Data listing Start Marker
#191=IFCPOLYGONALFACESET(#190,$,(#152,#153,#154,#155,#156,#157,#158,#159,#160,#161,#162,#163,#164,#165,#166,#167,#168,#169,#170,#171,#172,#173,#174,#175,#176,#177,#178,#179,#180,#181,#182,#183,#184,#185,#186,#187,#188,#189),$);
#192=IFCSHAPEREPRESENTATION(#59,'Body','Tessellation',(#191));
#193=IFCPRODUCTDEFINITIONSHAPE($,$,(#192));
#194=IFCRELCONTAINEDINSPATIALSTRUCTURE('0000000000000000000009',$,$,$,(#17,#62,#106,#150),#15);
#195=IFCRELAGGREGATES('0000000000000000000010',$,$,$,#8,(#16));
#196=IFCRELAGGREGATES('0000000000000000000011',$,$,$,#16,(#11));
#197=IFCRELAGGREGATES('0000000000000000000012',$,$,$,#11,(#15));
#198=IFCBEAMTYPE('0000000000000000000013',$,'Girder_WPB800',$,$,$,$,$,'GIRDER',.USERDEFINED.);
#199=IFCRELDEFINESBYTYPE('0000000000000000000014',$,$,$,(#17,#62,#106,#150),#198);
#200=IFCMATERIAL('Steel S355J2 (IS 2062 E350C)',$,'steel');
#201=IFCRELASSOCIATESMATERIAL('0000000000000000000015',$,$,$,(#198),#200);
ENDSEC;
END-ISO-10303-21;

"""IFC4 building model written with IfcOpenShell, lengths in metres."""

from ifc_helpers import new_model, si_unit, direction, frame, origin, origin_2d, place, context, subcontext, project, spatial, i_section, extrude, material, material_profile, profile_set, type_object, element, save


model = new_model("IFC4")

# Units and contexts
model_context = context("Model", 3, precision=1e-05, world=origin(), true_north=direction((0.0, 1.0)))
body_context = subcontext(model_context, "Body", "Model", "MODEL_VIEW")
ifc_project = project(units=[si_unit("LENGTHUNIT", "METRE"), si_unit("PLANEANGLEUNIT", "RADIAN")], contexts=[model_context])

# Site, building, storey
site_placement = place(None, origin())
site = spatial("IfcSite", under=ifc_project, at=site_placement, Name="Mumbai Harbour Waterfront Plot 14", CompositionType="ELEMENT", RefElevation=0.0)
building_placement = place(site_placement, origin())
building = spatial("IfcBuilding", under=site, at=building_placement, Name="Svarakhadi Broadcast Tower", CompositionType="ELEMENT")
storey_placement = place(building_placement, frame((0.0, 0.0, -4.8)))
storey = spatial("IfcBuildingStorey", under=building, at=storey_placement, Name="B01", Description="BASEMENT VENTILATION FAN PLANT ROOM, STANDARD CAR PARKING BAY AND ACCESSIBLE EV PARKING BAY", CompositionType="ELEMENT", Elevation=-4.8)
Data listing End Marker
All that is needed is the number of lines above in which the string "origin" appears.

4